• Task description
Filter the entries down to the lines holding "HANDRAIL", then copy those lines.

[Source data]
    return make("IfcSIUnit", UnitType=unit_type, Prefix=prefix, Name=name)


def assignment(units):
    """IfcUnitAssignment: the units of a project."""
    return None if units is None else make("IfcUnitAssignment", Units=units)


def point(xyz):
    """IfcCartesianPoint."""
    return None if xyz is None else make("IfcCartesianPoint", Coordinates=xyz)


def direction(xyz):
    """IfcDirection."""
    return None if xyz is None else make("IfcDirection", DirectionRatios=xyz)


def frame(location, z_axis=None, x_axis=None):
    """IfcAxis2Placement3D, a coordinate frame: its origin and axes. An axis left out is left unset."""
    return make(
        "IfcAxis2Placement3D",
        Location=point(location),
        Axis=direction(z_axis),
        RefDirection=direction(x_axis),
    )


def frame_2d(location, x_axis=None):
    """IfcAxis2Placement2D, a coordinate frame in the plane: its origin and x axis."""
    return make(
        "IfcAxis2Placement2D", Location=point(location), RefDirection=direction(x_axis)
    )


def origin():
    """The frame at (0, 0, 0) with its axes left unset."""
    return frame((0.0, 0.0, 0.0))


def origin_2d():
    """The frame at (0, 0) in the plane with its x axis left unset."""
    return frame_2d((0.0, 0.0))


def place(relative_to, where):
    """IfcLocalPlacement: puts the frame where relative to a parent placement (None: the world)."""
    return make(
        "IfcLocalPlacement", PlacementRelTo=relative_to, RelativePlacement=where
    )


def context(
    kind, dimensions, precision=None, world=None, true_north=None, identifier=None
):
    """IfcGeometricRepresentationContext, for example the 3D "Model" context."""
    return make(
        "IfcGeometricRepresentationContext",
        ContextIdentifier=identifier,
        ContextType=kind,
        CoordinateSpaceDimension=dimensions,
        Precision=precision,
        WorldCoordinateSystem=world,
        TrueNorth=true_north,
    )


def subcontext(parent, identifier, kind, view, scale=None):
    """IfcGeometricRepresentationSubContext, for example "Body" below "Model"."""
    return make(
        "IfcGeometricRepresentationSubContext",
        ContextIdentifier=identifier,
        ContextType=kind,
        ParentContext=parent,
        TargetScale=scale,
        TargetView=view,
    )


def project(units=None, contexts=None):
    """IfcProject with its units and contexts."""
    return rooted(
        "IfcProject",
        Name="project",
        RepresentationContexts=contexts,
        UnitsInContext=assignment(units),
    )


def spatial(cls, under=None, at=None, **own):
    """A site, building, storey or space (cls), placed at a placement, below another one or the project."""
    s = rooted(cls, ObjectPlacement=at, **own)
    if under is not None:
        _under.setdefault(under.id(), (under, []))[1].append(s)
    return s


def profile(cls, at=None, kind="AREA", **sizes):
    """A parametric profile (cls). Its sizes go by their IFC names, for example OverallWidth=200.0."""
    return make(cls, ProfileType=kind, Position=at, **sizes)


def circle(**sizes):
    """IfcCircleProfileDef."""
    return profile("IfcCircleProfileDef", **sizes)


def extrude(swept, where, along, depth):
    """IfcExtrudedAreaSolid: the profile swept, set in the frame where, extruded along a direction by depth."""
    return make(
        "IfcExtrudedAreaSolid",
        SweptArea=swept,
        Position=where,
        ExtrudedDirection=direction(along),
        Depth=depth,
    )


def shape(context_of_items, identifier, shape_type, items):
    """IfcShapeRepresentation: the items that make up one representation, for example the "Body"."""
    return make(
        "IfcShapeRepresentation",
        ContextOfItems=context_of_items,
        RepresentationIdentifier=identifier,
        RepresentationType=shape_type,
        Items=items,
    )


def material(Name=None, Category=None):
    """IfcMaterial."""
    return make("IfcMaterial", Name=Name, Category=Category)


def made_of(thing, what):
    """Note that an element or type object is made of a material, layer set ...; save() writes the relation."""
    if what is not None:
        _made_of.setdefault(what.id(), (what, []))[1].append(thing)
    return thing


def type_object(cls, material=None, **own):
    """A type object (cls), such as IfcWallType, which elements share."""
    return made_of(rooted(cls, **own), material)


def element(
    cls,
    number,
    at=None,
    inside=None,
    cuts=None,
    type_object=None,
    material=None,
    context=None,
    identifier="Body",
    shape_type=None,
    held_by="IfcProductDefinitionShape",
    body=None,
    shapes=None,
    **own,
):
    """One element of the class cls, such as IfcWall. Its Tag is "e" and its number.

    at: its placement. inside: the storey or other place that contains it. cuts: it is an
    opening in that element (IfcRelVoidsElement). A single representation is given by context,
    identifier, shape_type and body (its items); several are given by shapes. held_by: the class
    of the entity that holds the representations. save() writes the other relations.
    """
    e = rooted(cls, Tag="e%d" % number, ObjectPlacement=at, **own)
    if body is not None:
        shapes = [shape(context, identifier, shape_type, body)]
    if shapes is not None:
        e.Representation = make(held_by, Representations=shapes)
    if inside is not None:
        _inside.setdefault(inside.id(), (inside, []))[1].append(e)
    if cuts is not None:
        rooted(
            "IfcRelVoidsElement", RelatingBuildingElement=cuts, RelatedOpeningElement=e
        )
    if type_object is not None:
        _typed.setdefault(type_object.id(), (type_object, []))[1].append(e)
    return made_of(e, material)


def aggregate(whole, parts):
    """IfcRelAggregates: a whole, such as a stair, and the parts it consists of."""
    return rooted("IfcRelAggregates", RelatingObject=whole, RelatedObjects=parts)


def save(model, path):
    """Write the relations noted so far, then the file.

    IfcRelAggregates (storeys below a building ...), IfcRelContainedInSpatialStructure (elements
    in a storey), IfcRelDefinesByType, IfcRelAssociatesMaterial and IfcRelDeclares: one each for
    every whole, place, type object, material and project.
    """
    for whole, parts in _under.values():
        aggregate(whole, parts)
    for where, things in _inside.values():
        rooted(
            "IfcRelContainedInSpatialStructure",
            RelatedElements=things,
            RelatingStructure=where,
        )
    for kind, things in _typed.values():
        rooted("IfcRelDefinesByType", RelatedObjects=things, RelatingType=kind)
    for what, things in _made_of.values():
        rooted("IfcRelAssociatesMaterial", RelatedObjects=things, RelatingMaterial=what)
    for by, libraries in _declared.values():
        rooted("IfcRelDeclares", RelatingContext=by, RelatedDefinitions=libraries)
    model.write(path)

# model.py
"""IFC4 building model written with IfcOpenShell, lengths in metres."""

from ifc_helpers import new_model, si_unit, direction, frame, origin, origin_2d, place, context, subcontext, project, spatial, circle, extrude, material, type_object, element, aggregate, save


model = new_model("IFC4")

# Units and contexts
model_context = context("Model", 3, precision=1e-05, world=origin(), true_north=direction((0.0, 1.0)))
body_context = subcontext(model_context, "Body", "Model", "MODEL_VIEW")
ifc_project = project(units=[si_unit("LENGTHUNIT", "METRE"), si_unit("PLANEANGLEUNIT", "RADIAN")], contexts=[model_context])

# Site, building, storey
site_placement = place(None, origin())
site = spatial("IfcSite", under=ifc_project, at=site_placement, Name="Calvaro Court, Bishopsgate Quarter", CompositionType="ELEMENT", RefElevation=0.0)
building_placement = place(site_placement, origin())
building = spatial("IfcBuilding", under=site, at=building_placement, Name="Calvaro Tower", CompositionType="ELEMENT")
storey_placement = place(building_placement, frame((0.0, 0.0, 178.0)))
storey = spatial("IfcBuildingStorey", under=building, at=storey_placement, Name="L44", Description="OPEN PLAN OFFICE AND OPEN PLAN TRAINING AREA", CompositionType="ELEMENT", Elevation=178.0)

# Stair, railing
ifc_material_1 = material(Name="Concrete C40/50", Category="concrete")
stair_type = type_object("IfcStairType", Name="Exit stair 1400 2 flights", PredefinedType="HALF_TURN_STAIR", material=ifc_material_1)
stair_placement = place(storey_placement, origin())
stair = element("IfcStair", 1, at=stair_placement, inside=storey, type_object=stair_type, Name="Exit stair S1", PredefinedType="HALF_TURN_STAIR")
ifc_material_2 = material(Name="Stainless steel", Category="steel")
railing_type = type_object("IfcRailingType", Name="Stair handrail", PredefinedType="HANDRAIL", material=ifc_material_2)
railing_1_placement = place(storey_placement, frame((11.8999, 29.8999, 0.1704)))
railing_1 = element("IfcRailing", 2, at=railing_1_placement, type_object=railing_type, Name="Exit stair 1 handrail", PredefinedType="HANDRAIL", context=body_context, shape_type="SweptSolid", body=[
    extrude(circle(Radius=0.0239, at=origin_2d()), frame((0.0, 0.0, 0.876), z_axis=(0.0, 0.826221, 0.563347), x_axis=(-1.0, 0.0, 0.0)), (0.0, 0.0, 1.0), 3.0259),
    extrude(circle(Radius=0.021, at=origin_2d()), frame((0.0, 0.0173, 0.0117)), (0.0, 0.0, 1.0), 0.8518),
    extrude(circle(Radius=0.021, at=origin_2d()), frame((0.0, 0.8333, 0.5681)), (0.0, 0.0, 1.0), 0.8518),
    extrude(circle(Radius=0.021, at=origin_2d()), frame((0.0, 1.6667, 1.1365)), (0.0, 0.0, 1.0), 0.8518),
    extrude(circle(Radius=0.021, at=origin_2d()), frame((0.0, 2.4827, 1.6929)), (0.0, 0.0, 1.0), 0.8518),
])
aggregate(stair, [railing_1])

• Response for this exercise
railing_type = type_object("IfcRailingType", Name="Stair handrail", PredefinedType="HANDRAIL", material=ifc_material_2)
railing_1 = element("IfcRailing", 2, at=railing_1_placement, type_object=railing_type, Name="Exit stair 1 handrail", PredefinedType="HANDRAIL", context=body_context, shape_type="SweptSolid", body=[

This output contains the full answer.